Excerpted data -
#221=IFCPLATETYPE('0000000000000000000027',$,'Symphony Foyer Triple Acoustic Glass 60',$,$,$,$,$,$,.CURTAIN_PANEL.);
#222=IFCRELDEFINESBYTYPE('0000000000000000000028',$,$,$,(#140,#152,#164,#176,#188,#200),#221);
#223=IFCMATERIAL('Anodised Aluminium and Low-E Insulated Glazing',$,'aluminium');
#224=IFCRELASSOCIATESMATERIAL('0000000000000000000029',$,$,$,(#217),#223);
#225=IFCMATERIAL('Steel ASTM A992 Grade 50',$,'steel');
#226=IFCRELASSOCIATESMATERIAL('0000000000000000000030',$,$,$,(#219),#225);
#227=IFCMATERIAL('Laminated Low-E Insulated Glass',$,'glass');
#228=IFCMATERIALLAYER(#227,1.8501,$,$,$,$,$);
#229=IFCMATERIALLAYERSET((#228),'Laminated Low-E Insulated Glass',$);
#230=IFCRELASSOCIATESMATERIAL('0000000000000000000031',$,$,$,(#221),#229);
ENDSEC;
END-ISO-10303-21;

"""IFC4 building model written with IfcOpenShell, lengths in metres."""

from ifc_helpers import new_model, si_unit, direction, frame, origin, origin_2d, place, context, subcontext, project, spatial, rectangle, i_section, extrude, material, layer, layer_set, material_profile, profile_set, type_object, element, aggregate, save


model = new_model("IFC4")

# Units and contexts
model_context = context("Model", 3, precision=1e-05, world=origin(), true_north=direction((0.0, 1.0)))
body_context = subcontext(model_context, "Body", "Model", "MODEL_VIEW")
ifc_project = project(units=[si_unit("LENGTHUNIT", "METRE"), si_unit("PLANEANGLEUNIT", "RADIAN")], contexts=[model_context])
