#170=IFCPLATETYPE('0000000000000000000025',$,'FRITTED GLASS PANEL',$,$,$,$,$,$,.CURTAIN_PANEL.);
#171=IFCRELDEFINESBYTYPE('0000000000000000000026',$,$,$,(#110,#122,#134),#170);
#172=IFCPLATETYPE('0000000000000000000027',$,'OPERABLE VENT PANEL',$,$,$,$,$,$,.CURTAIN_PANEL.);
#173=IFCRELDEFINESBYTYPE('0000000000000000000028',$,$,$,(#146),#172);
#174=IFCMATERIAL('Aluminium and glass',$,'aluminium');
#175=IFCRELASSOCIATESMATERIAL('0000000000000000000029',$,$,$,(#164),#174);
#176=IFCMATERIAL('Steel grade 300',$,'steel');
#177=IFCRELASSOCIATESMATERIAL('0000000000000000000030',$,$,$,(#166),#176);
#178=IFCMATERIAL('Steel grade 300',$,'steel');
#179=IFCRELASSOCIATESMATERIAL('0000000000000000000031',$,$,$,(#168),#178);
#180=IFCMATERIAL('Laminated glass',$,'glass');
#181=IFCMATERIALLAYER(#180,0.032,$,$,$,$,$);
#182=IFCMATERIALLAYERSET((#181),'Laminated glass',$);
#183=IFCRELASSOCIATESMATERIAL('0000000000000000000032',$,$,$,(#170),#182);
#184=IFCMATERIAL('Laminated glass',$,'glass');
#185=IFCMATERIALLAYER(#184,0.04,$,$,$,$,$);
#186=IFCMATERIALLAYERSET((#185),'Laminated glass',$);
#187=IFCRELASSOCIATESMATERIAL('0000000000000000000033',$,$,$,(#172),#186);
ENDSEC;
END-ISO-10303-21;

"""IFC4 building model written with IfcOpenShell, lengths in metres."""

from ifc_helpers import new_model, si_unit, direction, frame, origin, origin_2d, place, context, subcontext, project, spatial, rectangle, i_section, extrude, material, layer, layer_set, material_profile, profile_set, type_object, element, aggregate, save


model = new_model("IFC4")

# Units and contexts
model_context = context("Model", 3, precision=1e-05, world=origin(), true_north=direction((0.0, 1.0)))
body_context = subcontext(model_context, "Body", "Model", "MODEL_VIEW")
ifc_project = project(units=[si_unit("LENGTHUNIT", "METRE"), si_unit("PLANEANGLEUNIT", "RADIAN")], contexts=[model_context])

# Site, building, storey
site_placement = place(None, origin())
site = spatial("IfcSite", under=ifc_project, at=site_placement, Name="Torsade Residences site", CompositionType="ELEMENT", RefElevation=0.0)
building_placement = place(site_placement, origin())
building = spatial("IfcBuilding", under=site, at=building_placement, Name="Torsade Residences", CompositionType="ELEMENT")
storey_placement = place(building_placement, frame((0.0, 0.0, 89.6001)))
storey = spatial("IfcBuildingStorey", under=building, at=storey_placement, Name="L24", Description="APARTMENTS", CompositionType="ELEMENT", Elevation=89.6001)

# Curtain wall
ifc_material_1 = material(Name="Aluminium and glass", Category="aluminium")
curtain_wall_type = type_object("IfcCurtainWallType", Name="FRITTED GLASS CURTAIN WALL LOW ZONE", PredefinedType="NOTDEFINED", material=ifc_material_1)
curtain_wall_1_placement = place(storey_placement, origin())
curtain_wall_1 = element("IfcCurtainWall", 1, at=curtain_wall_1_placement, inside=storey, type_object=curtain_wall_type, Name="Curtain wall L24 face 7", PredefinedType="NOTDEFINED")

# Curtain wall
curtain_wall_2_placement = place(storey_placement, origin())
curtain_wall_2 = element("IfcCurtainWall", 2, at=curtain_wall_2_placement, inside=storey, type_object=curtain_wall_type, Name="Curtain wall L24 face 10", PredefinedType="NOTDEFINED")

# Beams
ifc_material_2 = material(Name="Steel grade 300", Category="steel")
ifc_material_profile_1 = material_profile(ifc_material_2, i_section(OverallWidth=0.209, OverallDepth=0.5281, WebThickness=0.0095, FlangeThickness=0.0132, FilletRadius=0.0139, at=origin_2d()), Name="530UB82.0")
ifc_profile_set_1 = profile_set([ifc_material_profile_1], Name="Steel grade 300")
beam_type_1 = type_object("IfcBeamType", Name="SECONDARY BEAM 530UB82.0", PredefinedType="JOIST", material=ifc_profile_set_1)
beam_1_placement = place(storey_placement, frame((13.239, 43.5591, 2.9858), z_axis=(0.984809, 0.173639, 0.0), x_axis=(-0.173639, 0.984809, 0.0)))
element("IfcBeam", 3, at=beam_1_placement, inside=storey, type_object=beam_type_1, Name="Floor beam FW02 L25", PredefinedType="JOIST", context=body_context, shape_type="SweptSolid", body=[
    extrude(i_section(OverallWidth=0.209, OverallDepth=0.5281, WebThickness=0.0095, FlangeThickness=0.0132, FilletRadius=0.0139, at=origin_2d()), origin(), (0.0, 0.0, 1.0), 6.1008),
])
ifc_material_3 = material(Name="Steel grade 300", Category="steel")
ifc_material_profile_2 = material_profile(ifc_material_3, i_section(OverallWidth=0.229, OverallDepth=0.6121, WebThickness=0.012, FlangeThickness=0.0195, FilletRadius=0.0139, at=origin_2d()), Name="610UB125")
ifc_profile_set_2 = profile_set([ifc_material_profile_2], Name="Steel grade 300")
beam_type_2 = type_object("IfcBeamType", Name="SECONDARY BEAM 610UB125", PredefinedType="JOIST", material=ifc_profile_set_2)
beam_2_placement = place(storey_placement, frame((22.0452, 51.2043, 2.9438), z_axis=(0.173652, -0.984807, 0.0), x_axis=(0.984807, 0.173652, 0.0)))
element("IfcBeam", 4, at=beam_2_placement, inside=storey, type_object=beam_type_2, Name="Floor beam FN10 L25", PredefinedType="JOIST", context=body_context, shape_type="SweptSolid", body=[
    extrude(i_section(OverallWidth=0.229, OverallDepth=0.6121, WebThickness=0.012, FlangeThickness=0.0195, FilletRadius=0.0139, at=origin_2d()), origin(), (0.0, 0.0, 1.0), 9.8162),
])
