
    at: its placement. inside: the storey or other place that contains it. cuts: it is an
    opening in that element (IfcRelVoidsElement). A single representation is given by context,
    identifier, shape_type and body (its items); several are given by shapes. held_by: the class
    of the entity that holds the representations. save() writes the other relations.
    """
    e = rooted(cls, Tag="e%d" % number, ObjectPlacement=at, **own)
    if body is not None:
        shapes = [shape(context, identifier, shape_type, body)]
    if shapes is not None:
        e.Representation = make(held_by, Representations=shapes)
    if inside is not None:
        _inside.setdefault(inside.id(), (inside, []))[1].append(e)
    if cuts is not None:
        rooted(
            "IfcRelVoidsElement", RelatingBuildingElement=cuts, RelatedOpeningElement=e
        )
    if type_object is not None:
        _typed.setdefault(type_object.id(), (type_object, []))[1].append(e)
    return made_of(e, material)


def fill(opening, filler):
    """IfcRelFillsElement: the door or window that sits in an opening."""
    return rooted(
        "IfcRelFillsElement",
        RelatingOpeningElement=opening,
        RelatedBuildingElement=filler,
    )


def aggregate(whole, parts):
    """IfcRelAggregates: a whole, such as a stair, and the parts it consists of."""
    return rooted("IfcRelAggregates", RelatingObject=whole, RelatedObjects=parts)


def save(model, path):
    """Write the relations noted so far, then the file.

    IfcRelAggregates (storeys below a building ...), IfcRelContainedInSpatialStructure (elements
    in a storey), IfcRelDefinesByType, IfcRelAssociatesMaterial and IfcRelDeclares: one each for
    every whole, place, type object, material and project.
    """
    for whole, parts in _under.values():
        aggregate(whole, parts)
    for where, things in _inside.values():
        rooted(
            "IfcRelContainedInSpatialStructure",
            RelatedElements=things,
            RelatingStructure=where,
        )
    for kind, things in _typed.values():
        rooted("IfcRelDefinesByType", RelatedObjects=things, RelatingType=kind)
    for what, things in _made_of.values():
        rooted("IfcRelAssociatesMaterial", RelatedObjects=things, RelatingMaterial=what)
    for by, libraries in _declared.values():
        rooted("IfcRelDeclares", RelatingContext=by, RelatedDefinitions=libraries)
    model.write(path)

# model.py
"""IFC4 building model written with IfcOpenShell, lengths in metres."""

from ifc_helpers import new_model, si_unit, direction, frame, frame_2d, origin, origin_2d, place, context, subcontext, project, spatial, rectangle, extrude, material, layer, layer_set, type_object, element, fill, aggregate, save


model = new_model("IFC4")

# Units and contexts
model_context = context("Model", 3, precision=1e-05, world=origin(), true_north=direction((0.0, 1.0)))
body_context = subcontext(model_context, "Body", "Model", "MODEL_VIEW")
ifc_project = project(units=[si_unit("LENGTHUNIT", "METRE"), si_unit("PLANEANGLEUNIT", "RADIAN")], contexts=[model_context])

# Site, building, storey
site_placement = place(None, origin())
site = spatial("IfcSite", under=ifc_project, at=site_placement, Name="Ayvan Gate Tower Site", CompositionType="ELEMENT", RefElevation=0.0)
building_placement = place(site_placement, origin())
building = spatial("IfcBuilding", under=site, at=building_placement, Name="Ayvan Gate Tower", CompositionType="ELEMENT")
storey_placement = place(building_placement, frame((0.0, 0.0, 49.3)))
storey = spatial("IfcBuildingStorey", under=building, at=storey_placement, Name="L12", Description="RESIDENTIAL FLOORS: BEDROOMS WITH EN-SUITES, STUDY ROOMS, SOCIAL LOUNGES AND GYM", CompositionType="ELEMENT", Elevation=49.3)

Work order - Identify the lines above with the word "path". Copy them.

Output -
def save(model, path):
    model.write(path)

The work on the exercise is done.